### WORK REQUEST
Across the listing below, count the lines holding "IFCSHAPEREPRESENTATION". State the number and nothing more.

--- PROVIDED DATA ---

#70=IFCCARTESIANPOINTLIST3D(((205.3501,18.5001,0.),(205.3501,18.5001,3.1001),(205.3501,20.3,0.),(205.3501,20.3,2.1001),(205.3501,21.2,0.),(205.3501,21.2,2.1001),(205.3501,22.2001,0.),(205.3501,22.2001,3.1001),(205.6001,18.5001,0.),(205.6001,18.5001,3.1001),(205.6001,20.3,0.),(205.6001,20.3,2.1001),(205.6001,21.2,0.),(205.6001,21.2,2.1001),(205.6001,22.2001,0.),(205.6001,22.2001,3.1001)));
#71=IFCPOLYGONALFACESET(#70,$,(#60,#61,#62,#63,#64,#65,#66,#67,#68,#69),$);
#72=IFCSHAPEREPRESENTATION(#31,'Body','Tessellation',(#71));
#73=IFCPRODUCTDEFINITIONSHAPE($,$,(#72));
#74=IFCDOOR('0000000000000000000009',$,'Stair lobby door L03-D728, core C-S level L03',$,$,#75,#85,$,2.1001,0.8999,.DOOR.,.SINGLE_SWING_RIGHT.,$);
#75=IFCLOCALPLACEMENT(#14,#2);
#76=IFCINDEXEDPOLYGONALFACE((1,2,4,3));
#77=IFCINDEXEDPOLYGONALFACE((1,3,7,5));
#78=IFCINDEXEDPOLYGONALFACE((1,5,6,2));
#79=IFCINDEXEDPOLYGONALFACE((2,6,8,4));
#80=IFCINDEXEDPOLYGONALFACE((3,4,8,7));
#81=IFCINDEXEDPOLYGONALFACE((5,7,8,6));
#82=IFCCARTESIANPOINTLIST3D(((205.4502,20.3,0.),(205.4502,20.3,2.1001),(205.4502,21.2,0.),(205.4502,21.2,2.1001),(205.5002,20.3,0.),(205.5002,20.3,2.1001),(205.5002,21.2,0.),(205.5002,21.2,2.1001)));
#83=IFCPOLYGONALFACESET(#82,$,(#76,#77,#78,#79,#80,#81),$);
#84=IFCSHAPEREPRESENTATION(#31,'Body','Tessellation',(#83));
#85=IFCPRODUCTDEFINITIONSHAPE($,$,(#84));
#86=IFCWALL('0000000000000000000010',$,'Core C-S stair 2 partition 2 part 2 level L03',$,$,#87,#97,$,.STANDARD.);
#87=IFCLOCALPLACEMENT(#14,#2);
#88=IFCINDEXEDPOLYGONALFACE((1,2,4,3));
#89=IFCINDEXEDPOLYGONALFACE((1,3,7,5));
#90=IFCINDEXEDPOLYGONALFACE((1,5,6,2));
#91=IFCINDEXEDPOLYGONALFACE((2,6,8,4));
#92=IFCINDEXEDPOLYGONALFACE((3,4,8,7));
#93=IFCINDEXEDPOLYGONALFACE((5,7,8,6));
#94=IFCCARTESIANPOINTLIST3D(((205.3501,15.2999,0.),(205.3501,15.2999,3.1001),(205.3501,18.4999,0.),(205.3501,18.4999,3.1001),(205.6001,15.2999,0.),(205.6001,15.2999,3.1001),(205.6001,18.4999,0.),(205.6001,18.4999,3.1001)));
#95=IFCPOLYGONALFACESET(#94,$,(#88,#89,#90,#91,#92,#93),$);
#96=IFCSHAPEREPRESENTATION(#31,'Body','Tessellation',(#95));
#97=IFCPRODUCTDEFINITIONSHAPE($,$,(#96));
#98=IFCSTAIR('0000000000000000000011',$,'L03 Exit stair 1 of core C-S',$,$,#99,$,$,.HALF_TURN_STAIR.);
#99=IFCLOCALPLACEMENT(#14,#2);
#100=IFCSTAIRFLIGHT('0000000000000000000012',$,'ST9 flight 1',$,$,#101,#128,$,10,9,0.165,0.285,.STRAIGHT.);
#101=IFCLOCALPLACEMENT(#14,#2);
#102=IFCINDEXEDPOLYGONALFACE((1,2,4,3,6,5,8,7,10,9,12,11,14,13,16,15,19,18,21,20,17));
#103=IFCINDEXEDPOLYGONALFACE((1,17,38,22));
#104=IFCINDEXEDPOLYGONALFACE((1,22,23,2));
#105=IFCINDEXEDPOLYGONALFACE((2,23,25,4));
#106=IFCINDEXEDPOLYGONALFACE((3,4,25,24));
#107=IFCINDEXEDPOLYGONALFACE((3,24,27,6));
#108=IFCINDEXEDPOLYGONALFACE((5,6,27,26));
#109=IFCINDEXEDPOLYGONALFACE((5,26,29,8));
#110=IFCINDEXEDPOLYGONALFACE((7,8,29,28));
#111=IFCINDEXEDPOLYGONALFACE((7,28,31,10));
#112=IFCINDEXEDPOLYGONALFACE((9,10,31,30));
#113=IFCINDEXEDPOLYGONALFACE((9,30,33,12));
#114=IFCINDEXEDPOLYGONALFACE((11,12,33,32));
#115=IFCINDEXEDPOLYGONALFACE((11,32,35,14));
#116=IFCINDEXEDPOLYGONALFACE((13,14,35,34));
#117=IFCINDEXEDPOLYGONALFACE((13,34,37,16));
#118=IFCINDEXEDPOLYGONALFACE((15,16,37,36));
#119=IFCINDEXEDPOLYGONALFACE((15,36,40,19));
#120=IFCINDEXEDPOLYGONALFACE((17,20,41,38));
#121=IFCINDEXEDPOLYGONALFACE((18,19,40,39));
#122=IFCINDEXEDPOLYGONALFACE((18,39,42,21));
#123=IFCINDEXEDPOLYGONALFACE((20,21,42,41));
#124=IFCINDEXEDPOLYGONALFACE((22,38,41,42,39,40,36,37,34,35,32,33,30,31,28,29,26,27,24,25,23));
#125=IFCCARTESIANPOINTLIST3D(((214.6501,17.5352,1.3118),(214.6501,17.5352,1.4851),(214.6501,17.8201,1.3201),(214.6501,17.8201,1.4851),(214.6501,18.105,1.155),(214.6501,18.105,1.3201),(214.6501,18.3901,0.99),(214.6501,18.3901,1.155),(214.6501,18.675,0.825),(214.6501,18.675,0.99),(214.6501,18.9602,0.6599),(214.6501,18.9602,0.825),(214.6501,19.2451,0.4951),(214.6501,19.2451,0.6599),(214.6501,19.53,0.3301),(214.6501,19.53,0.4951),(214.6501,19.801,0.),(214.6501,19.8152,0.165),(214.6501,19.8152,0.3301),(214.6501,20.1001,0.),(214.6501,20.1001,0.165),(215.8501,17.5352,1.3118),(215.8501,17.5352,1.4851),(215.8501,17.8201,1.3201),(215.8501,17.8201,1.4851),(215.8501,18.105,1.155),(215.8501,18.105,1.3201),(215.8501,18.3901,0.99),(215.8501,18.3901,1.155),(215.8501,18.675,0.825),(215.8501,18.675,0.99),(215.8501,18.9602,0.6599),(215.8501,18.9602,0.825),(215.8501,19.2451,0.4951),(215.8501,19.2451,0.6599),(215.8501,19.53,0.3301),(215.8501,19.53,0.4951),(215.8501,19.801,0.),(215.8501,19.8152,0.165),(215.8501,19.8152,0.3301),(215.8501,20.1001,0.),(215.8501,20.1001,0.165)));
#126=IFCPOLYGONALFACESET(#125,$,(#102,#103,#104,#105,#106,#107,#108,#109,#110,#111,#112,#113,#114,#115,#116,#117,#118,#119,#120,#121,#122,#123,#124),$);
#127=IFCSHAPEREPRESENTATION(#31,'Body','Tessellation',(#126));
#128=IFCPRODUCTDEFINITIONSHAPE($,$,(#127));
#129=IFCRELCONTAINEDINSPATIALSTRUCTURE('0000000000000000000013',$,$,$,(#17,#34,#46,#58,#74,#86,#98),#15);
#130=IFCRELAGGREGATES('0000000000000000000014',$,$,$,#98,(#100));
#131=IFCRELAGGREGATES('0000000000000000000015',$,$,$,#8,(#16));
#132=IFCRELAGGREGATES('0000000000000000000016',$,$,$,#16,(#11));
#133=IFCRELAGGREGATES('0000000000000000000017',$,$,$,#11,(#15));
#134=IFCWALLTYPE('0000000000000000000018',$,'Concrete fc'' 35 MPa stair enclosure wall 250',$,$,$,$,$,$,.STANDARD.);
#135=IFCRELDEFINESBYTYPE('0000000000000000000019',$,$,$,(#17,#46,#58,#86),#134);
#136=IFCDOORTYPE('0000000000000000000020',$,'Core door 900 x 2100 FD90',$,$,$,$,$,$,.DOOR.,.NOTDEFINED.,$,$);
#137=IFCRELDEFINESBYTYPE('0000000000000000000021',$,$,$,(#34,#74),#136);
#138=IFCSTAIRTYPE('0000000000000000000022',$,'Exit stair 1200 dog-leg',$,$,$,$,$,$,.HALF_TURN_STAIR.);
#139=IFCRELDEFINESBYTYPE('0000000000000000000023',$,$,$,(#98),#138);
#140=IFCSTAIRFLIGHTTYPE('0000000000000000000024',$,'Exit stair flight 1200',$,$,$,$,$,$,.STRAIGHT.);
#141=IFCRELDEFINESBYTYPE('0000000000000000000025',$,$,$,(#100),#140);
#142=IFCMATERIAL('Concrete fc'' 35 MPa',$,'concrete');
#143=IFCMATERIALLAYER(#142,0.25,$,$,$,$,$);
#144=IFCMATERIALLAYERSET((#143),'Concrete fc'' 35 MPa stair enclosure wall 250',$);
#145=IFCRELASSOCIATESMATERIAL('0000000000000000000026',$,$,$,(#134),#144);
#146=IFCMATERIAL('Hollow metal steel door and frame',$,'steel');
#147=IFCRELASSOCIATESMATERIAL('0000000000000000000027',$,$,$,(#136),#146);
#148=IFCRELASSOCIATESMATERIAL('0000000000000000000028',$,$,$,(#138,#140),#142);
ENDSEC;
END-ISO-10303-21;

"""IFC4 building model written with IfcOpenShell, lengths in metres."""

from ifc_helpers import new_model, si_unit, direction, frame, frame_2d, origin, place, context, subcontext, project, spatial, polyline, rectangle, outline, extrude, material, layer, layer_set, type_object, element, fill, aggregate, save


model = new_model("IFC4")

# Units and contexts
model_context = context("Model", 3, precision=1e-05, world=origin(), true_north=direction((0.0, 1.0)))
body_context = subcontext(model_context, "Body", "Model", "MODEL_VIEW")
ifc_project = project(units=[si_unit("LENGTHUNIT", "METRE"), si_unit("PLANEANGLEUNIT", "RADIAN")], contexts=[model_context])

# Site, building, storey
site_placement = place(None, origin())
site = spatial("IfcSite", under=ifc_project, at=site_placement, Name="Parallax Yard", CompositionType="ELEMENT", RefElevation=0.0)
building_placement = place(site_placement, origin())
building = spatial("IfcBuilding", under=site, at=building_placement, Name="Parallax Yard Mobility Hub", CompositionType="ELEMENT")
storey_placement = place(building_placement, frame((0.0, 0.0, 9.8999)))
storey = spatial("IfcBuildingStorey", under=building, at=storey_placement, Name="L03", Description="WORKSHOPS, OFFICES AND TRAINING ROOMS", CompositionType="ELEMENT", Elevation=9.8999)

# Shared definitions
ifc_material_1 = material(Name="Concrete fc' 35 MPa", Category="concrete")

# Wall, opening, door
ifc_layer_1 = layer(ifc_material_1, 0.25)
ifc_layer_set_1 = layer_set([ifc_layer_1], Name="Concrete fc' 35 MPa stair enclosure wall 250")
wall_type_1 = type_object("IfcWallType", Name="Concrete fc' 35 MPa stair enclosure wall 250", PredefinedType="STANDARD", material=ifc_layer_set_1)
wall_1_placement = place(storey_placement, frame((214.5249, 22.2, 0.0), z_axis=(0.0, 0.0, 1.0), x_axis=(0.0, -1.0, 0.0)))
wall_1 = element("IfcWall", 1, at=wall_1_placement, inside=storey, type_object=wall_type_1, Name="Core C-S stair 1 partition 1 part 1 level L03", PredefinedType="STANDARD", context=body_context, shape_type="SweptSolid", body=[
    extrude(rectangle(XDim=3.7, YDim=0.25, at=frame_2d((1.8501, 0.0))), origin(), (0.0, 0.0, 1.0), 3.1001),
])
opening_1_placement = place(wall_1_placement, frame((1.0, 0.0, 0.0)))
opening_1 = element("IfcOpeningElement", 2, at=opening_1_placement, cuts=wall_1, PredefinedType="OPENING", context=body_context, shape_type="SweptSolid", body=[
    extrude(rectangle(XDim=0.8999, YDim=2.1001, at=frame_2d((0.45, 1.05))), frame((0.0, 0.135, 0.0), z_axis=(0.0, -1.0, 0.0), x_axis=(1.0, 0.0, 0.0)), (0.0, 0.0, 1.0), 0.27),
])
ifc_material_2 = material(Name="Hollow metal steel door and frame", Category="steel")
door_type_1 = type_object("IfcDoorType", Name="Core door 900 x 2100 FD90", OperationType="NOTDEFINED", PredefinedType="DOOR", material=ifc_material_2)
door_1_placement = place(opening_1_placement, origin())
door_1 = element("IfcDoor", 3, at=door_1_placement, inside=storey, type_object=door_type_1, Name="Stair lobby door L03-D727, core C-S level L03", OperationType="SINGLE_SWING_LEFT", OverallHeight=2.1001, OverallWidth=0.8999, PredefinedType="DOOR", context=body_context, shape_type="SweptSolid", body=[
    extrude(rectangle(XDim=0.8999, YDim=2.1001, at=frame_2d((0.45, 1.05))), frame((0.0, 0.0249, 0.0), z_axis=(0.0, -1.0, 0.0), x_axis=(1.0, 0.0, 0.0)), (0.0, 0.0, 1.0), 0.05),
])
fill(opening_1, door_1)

---

### EXERCISE RESULT
4